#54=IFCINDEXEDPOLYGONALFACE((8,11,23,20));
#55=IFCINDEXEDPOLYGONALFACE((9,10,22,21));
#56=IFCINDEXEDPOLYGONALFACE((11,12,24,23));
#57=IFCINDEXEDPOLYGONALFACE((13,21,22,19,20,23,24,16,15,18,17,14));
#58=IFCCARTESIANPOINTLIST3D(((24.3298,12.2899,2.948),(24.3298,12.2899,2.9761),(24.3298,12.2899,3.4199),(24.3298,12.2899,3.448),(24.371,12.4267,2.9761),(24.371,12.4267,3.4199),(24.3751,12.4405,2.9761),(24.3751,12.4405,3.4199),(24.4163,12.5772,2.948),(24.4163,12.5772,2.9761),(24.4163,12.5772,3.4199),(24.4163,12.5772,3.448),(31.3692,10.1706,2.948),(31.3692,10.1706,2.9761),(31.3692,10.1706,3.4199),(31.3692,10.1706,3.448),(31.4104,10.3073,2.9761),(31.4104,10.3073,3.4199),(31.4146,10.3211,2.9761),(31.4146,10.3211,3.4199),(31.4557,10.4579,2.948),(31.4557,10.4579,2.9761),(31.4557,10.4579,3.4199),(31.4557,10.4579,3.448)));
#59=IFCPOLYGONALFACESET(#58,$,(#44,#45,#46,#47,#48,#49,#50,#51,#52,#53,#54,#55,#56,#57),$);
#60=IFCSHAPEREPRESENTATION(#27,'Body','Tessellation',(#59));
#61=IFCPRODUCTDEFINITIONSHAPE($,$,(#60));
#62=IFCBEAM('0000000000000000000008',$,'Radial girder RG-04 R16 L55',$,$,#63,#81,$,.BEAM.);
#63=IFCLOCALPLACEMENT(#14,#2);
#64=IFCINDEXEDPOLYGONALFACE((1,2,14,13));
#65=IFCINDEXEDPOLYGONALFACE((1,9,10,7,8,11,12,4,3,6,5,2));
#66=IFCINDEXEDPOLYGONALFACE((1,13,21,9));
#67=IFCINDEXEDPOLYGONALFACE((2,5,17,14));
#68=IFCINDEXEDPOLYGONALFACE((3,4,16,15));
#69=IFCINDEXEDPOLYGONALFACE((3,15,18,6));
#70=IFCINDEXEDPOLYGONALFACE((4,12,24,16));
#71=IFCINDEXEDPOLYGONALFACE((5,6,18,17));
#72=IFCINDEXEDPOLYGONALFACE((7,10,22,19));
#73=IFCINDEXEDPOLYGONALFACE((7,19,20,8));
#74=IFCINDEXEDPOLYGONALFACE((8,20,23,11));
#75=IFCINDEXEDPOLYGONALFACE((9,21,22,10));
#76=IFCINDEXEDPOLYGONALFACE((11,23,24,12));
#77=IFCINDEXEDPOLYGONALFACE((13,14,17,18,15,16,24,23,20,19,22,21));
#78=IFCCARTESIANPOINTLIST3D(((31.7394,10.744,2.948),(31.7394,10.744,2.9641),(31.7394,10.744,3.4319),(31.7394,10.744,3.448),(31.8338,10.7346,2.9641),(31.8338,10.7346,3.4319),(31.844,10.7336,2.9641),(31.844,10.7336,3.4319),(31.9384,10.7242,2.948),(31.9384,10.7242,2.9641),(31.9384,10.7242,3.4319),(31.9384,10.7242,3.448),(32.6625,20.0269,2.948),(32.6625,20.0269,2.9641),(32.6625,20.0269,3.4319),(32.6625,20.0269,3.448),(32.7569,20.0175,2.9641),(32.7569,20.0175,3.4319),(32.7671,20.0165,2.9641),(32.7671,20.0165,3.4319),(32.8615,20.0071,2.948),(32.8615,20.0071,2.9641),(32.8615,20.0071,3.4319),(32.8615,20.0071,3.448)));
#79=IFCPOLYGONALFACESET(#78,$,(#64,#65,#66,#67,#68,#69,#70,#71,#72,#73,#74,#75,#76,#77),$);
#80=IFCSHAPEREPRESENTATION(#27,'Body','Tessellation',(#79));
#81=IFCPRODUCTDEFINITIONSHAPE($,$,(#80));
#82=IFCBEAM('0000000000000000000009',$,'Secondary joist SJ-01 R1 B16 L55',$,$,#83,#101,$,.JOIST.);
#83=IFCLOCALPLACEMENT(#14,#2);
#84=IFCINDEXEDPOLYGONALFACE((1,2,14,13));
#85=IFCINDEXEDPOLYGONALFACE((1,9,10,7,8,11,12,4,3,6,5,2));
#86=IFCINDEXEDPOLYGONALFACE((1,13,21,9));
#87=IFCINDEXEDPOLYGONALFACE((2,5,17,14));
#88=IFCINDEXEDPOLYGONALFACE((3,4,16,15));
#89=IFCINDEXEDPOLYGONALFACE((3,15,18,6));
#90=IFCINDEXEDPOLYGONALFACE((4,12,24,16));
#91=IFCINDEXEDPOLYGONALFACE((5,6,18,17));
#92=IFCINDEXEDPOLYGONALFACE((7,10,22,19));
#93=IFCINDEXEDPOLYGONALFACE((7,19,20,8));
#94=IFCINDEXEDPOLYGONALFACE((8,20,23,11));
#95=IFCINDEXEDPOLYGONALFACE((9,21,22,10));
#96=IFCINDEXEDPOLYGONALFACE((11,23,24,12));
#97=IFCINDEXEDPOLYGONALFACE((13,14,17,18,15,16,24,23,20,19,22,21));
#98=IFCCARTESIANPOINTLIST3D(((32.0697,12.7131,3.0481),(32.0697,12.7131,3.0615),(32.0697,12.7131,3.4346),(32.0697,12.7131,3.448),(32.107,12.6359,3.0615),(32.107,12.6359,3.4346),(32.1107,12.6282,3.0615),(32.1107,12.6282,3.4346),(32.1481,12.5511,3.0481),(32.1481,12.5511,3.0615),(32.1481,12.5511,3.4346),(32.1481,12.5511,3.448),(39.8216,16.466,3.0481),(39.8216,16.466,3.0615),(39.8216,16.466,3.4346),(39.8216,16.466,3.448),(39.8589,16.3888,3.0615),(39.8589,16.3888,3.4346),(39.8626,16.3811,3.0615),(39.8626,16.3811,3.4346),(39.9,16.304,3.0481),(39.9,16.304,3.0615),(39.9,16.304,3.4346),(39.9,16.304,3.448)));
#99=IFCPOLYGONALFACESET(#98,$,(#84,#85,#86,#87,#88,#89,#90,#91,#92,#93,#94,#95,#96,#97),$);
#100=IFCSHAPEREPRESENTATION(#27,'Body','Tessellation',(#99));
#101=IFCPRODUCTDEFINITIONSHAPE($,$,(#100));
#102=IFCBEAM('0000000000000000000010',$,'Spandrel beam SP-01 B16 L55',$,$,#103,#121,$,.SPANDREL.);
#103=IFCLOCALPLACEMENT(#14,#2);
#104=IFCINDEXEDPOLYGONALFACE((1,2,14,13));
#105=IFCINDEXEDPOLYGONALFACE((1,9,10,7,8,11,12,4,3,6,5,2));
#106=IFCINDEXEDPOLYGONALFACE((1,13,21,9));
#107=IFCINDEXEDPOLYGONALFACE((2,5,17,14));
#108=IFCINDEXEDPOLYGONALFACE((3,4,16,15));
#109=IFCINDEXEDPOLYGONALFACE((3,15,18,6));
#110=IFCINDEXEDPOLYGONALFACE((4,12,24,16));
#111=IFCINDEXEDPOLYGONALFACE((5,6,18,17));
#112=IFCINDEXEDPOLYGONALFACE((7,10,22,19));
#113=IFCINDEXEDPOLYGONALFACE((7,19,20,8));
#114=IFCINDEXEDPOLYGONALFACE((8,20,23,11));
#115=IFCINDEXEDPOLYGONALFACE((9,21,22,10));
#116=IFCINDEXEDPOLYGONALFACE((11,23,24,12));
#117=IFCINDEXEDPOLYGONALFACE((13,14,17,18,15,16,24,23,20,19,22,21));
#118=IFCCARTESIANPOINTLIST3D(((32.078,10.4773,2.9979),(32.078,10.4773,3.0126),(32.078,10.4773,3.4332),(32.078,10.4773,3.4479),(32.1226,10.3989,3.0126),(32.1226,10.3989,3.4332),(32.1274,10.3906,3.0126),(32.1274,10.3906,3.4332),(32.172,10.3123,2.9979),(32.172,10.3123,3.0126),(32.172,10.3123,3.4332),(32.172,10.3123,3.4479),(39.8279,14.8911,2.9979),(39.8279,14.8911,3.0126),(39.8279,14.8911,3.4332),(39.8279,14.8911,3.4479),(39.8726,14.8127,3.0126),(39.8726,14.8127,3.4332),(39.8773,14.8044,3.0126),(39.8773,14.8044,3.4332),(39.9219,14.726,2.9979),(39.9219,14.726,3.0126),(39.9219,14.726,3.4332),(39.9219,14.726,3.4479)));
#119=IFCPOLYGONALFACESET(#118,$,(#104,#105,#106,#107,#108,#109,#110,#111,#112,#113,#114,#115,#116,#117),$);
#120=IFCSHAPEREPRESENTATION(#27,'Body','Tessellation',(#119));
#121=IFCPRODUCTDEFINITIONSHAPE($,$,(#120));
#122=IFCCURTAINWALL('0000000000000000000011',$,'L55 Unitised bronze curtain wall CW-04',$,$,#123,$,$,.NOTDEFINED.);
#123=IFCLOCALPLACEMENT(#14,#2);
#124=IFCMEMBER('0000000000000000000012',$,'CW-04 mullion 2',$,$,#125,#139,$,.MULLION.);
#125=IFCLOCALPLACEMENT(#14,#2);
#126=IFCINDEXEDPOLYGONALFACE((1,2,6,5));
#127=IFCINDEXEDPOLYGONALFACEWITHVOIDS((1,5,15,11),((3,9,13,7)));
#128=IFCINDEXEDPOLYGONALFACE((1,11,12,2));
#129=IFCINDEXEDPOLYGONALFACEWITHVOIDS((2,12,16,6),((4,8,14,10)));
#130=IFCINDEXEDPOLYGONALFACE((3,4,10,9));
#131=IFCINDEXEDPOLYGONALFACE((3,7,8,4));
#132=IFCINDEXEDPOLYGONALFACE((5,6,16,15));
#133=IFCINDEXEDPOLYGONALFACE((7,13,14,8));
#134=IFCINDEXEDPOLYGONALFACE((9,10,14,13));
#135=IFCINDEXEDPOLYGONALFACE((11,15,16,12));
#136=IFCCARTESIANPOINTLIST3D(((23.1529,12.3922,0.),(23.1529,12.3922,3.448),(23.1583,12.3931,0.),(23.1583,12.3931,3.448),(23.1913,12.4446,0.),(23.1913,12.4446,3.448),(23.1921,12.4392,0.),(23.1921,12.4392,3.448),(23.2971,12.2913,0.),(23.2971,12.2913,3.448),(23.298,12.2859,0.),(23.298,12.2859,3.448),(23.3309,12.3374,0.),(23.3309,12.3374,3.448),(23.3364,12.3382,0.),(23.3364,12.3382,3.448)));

══════════════════════════════

### Task prompt
Pull every line that holds the string "IFCLOCALPLACEMENT" out of the records.

### Expected output
#63=IFCLOCALPLACEMENT(#14,#2);
#83=IFCLOCALPLACEMENT(#14,#2);
#103=IFCLOCALPLACEMENT(#14,#2);
#123=IFCLOCALPLACEMENT(#14,#2);
#125=IFCLOCALPLACEMENT(#14,#2);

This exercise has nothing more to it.